■ **What this task involves**: Look below for the line containing "# Site, building, storey". Output it and each remaining line of the entries exactly, and nothing else.

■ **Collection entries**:
━━━━━━━━━━━━━━━━
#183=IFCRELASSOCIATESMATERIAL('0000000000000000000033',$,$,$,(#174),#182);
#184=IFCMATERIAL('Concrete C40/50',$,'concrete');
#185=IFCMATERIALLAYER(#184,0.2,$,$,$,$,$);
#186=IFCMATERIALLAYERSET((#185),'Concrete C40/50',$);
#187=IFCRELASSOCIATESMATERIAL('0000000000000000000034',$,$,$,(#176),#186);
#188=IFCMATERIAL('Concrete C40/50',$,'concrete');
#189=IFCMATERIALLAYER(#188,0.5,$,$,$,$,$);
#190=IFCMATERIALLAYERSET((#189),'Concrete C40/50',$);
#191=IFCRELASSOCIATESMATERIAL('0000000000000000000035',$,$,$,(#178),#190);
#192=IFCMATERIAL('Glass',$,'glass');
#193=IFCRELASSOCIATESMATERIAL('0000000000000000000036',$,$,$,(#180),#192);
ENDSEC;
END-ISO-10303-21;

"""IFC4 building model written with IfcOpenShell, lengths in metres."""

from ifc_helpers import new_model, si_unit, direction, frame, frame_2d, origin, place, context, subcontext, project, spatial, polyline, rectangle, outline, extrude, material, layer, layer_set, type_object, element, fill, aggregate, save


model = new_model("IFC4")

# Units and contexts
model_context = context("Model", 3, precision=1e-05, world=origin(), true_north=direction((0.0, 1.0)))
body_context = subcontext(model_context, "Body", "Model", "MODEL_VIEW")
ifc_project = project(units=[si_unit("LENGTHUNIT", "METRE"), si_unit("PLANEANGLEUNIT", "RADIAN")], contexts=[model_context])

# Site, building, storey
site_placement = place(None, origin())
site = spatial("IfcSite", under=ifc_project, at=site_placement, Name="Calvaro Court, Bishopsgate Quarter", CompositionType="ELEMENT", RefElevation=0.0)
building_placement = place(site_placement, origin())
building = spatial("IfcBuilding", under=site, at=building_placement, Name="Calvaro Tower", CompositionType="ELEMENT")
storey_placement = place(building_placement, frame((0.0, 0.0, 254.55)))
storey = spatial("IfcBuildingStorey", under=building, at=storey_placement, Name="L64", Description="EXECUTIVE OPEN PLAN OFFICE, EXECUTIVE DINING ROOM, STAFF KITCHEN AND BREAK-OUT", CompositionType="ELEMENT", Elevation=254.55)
━━━━━━━━━━━━━━━━
■ **Response below**:
# Site, building, storey
site_placement = place(None, origin())
site = spatial("IfcSite", under=ifc_project, at=site_placement, Name="Calvaro Court, Bishopsgate Quarter", CompositionType="ELEMENT", RefElevation=0.0)
building_placement = place(site_placement, origin())
building = spatial("IfcBuilding", under=site, at=building_placement, Name="Calvaro Tower", CompositionType="ELEMENT")
storey_placement = place(building_placement, frame((0.0, 0.0, 254.55)))
storey = spatial("IfcBuildingStorey", under=building, at=storey_placement, Name="L64", Description="EXECUTIVE OPEN PLAN OFFICE, EXECUTIVE DINING ROOM, STAFF KITCHEN AND BREAK-OUT", CompositionType="ELEMENT", Elevation=254.55)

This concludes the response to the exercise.